Problem statement: From the listing below, copy only the lines running from the line that contains "#156=IFCMATERIALLAYERSET((#155),'Gypsum board on" to the line that contains "#160=IFCMATERIAL('Timber, painted',$,'wood');", both included.

::::

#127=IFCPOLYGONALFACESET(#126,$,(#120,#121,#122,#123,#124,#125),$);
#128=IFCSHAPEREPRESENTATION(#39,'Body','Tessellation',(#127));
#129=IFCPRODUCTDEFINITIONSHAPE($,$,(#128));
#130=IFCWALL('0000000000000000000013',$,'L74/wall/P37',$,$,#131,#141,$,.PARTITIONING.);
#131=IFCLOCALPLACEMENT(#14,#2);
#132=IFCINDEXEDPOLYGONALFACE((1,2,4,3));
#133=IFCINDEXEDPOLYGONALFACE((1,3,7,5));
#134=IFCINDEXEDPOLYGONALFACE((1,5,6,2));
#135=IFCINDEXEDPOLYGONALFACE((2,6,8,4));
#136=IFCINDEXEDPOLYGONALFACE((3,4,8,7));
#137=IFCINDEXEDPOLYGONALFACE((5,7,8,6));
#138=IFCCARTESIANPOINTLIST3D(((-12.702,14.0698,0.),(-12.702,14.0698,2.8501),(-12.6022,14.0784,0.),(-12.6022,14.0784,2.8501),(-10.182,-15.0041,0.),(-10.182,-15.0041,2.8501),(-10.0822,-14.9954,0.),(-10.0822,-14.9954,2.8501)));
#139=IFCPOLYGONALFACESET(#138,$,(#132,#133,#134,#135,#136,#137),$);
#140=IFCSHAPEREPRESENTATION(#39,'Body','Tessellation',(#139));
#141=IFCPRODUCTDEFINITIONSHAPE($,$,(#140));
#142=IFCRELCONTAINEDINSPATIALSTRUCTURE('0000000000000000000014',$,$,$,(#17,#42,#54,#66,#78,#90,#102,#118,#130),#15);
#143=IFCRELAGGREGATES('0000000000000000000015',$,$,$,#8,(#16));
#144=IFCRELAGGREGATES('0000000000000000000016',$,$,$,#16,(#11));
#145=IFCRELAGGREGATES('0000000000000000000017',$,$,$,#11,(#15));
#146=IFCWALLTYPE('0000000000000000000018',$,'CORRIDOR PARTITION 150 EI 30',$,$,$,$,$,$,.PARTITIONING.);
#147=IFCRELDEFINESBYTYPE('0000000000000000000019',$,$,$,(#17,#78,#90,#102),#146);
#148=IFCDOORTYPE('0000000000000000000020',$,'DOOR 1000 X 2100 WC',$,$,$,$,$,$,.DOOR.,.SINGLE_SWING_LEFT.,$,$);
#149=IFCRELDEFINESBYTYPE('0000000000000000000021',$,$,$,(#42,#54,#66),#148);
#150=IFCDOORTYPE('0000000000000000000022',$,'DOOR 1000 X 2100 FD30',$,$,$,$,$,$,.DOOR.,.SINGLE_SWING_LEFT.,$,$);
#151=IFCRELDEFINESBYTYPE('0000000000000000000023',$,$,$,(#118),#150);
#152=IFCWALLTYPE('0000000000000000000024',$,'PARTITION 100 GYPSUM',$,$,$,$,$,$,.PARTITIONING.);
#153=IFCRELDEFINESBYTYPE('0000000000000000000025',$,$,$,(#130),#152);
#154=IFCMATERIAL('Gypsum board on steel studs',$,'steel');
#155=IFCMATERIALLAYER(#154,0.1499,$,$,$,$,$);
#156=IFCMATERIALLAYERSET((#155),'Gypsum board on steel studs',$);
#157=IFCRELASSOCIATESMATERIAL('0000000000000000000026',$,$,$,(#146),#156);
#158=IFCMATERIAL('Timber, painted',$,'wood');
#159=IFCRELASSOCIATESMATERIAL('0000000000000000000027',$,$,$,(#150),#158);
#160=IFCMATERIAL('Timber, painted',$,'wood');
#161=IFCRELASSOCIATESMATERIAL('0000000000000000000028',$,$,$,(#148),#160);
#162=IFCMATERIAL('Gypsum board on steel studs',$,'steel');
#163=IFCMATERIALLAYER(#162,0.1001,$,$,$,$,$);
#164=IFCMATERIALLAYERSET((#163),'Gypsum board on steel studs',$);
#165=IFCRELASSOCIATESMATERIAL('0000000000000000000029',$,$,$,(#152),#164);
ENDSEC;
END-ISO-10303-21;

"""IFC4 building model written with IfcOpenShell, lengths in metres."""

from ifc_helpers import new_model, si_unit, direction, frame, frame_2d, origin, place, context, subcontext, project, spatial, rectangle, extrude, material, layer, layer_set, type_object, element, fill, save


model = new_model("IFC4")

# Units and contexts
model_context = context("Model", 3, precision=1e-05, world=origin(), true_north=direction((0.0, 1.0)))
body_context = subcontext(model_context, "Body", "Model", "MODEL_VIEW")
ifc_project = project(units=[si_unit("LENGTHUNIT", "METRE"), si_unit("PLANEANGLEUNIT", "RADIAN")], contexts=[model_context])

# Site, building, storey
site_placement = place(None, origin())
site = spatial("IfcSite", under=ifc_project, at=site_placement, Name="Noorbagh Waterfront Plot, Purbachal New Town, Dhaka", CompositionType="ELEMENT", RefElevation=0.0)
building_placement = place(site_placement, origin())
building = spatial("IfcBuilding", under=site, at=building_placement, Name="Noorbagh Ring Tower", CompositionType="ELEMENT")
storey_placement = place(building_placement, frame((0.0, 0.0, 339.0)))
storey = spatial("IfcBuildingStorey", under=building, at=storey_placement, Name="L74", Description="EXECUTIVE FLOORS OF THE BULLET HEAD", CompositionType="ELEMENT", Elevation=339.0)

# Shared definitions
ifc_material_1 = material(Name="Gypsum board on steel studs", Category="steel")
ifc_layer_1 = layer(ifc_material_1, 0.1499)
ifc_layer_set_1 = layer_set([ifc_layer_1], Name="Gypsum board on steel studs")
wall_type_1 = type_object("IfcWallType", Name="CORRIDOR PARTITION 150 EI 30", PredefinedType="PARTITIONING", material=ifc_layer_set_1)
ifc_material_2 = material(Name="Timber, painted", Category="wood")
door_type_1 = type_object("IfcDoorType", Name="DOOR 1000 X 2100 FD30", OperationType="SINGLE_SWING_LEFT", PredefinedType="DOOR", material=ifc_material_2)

::::

Answer area:
#156=IFCMATERIALLAYERSET((#155),'Gypsum board on steel studs',$);
#157=IFCRELASSOCIATESMATERIAL('0000000000000000000026',$,$,$,(#146),#156);
#158=IFCMATERIAL('Timber, painted',$,'wood');
#159=IFCRELASSOCIATESMATERIAL('0000000000000000000027',$,$,$,(#150),#158);
#160=IFCMATERIAL('Timber, painted',$,'wood');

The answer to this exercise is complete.